-- Exercise prompt --
Give back all of the data, word for word.

(Material to process Opens)

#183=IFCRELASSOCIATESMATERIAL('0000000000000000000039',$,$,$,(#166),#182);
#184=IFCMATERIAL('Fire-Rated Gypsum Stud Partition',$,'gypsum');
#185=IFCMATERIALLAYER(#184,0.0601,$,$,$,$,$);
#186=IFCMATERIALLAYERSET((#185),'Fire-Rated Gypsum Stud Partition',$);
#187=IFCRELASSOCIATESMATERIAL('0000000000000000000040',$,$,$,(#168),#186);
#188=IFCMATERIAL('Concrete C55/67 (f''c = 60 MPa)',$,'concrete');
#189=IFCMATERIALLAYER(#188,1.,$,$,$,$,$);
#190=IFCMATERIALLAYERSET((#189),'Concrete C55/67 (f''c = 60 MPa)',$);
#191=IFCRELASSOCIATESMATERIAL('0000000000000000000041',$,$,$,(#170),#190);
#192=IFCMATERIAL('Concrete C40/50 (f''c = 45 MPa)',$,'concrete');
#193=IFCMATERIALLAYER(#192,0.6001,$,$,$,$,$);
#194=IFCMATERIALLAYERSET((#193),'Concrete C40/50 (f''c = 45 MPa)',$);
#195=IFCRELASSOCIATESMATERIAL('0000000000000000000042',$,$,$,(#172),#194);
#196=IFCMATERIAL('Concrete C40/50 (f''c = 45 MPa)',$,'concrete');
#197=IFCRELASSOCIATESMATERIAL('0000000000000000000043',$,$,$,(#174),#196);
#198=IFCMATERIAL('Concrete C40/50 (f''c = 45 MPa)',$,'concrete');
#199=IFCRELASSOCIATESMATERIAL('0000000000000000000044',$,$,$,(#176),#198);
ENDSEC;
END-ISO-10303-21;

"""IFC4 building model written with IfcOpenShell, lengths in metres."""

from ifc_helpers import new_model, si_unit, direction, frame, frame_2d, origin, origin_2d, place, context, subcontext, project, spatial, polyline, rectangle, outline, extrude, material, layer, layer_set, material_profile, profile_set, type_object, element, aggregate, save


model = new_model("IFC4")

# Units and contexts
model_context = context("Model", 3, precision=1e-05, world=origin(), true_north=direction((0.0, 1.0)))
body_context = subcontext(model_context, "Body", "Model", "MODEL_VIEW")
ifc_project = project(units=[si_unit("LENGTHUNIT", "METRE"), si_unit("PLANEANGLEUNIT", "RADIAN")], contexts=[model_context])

(Material to process Closes)

-- Solution to this task --
#183=IFCRELASSOCIATESMATERIAL('0000000000000000000039',$,$,$,(#166),#182);
#184=IFCMATERIAL('Fire-Rated Gypsum Stud Partition',$,'gypsum');
#185=IFCMATERIALLAYER(#184,0.0601,$,$,$,$,$);
#186=IFCMATERIALLAYERSET((#185),'Fire-Rated Gypsum Stud Partition',$);
#187=IFCRELASSOCIATESMATERIAL('0000000000000000000040',$,$,$,(#168),#186);
#188=IFCMATERIAL('Concrete C55/67 (f''c = 60 MPa)',$,'concrete');
#189=IFCMATERIALLAYER(#188,1.,$,$,$,$,$);
#190=IFCMATERIALLAYERSET((#189),'Concrete C55/67 (f''c = 60 MPa)',$);
#191=IFCRELASSOCIATESMATERIAL('0000000000000000000041',$,$,$,(#170),#190);
#192=IFCMATERIAL('Concrete C40/50 (f''c = 45 MPa)',$,'concrete');
#193=IFCMATERIALLAYER(#192,0.6001,$,$,$,$,$);
#194=IFCMATERIALLAYERSET((#193),'Concrete C40/50 (f''c = 45 MPa)',$);
#195=IFCRELASSOCIATESMATERIAL('0000000000000000000042',$,$,$,(#172),#194);
#196=IFCMATERIAL('Concrete C40/50 (f''c = 45 MPa)',$,'concrete');
#197=IFCRELASSOCIATESMATERIAL('0000000000000000000043',$,$,$,(#174),#196);
#198=IFCMATERIAL('Concrete C40/50 (f''c = 45 MPa)',$,'concrete');
#199=IFCRELASSOCIATESMATERIAL('0000000000000000000044',$,$,$,(#176),#198);
ENDSEC;
END-ISO-10303-21;

"""IFC4 building model written with IfcOpenShell, lengths in metres."""

from ifc_helpers import new_model, si_unit, direction, frame, frame_2d, origin, origin_2d, place, context, subcontext, project, spatial, polyline, rectangle, outline, extrude, material, layer, layer_set, material_profile, profile_set, type_object, element, aggregate, save


model = new_model("IFC4")

# Units and contexts
model_context = context("Model", 3, precision=1e-05, world=origin(), true_north=direction((0.0, 1.0)))
body_context = subcontext(model_context, "Body", "Model", "MODEL_VIEW")
ifc_project = project(units=[si_unit("LENGTHUNIT", "METRE"), si_unit("PLANEANGLEUNIT", "RADIAN")], contexts=[model_context])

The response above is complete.